> Available records:

· · · · · · ·

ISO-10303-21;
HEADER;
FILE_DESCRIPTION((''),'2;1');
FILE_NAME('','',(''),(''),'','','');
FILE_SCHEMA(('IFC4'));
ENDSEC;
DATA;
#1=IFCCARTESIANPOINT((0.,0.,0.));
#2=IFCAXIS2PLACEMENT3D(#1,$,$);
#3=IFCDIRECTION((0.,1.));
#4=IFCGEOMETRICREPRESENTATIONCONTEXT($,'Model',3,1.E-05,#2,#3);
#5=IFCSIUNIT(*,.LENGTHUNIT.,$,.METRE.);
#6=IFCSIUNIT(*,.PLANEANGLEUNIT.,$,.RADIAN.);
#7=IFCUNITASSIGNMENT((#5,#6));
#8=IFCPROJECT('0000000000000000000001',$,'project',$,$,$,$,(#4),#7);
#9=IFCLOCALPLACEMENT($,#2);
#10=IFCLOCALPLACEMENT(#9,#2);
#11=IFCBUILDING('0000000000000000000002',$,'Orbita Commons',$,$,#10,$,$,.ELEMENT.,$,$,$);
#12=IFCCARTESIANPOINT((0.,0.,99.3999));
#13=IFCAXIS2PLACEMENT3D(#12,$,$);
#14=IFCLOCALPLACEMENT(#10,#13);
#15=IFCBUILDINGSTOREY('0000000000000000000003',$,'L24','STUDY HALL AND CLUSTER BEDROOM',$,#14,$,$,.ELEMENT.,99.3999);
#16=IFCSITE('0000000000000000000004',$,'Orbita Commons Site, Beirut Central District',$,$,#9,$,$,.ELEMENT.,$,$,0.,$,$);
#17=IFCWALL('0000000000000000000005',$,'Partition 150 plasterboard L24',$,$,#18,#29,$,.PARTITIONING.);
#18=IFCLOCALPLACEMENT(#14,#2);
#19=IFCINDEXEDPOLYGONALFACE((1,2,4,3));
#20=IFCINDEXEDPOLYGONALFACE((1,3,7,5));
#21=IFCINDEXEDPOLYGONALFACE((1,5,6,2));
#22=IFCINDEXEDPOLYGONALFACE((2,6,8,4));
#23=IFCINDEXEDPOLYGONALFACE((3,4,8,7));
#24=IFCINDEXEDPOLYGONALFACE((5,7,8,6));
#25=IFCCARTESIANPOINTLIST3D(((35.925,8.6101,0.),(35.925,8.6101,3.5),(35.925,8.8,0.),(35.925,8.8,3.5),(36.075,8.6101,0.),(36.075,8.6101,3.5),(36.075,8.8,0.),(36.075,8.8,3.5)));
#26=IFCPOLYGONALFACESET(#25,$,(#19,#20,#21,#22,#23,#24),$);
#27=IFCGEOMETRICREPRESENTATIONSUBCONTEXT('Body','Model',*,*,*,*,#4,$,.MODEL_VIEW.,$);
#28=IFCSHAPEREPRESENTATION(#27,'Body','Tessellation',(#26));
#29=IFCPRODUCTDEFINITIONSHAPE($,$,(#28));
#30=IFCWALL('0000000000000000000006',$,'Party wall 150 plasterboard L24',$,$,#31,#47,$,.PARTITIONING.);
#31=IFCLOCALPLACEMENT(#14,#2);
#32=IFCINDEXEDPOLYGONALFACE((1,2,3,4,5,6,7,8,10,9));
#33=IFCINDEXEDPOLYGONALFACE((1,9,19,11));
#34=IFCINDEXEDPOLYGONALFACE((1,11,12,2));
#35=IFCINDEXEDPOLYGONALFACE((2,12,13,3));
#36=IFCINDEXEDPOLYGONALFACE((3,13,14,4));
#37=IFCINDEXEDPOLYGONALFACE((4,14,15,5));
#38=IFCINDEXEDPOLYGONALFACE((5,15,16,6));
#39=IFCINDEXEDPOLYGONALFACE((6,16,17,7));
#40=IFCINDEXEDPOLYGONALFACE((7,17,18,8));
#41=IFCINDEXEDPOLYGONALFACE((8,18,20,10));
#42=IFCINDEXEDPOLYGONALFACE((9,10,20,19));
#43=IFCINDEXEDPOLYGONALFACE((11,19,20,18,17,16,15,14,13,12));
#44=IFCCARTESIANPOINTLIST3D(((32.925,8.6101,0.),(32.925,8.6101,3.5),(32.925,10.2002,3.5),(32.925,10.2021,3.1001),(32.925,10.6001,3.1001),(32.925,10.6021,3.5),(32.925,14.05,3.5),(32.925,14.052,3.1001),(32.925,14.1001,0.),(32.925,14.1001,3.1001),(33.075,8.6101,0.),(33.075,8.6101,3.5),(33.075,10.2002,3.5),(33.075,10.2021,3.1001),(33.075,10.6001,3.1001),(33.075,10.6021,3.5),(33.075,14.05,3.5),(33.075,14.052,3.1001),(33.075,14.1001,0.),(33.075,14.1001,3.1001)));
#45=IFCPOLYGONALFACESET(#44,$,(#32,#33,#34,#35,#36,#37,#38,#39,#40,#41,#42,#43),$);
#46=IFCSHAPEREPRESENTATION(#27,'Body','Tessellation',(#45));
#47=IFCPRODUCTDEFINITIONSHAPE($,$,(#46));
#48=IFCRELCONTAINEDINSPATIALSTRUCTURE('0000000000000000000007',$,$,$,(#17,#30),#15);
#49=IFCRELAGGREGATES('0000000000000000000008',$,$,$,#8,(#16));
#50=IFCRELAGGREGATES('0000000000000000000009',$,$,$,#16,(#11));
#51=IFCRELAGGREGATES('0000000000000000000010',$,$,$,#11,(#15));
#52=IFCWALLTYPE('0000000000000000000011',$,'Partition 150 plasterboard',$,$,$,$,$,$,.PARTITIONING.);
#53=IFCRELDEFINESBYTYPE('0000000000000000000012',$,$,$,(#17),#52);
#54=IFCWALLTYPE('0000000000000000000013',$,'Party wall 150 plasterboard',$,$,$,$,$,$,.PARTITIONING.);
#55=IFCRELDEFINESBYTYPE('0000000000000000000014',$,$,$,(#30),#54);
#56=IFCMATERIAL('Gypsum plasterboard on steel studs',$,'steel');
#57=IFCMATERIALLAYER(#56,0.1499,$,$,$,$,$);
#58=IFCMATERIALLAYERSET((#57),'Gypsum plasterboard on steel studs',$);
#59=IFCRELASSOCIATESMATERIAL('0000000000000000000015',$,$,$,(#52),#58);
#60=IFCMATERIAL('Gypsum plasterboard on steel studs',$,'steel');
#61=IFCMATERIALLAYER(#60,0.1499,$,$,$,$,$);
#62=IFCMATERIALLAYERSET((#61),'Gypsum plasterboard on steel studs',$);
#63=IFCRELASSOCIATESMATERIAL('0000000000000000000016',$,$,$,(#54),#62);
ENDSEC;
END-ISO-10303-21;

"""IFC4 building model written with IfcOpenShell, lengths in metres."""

from ifc_helpers import new_model, si_unit, direction, frame, frame_2d, origin, place, context, subcontext, project, spatial, polyline, rectangle, outline, extrude, material, layer, layer_set, type_object, element, save


model = new_model("IFC4")

# Units and contexts
model_context = context("Model", 3, precision=1e-05, world=origin(), true_north=direction((0.0, 1.0)))
body_context = subcontext(model_context, "Body", "Model", "MODEL_VIEW")
ifc_project = project(units=[si_unit("LENGTHUNIT", "METRE"), si_unit("PLANEANGLEUNIT", "RADIAN")], contexts=[model_context])

# Site, building, storey
site_placement = place(None, origin())
site = spatial("IfcSite", under=ifc_project, at=site_placement, Name="Orbita Commons Site, Beirut Central District", CompositionType="ELEMENT", RefElevation=0.0)
building_placement = place(site_placement, origin())
building = spatial("IfcBuilding", under=site, at=building_placement, Name="Orbita Commons", CompositionType="ELEMENT")
storey_placement = place(building_placement, frame((0.0, 0.0, 99.3999)))
storey = spatial("IfcBuildingStorey", under=building, at=storey_placement, Name="L24", Description="STUDY HALL AND CLUSTER BEDROOM", CompositionType="ELEMENT", Elevation=99.3999)

# Walls
ifc_material_1 = material(Name="Gypsum plasterboard on steel studs", Category="steel")
ifc_layer_1 = layer(ifc_material_1, 0.1499)
ifc_layer_set_1 = layer_set([ifc_layer_1], Name="Gypsum plasterboard on steel studs")
wall_type_1 = type_object("IfcWallType", Name="Partition 150 plasterboard", PredefinedType="PARTITIONING", material=ifc_layer_set_1)
for number, where, z_axis, x_axis, name in (
    (1, (36.0, 8.8, 0.0), (0.0, 0.0, 1.0), (0.0, -1.0, 0.0), "Partition 150 plasterboard L24"),
):
    element("IfcWall", number, at=place(storey_placement, frame(where, z_axis=z_axis, x_axis=x_axis)), inside=storey, type_object=wall_type_1, Name=name, PredefinedType="PARTITIONING", context=body_context, shape_type="SweptSolid", body=[
        extrude(rectangle(XDim=0.1899, YDim=0.1499, at=frame_2d((0.095, 0.0))), origin(), (0.0, 0.0, 1.0), 3.5),
    ])
ifc_material_2 = material(Name="Gypsum plasterboard on steel studs", Category="steel")
ifc_layer_2 = layer(ifc_material_2, 0.1499)
ifc_layer_set_2 = layer_set([ifc_layer_2], Name="Gypsum plasterboard on steel studs")
wall_type_2 = type_object("IfcWallType", Name="Party wall 150 plasterboard", PredefinedType="PARTITIONING", material=ifc_layer_set_2)
wall_placement = place(storey_placement, frame((33.0, 8.6101, 0.0), z_axis=(0.0, 0.0, 1.0), x_axis=(0.0, 1.0, 0.0)))
element("IfcWall", 2, at=wall_placement, inside=storey, type_object=wall_type_2, Name="Party wall 150 plasterboard L24", PredefinedType="PARTITIONING", context=body_context, shape_type="SweptSolid", body=[
    extrude(outline(polyline([(0.0, 0.0), (5.49, 0.0), (5.49, 3.1001), (5.4419, 3.1001), (5.4399, 3.5), (1.9919, 3.5), (1.99, 3.1001), (1.592, 3.1001), (1.5901, 3.5), (0.0, 3.5), (0.0, 0.0)])), frame((0.0, 0.075, 0.0), z_axis=(0.0, -1.0, 0.0), x_axis=(1.0, 0.0, 0.0)), (0.0, 0.0, 1.0), 0.1499),
])

save(model, "model.ifc")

· · · · · · ·

> Required work: Your answer should consist only of the lines above between the line holding "#10=IFCLOCALPLACEMENT(#9,#2);" and the line holding "AND CLUSTER BEDROOM',$,#14,$,$,.ELEMENT.,99.3999);", inclusive, each transcribed exactly.

> Solved problem:
#10=IFCLOCALPLACEMENT(#9,#2);
#11=IFCBUILDING('0000000000000000000002',$,'Orbita Commons',$,$,#10,$,$,.ELEMENT.,$,$,$);
#12=IFCCARTESIANPOINT((0.,0.,99.3999));
#13=IFCAXIS2PLACEMENT3D(#12,$,$);
#14=IFCLOCALPLACEMENT(#10,#13);
#15=IFCBUILDINGSTOREY('0000000000000000000003',$,'L24','STUDY HALL AND CLUSTER BEDROOM',$,#14,$,$,.ELEMENT.,99.3999);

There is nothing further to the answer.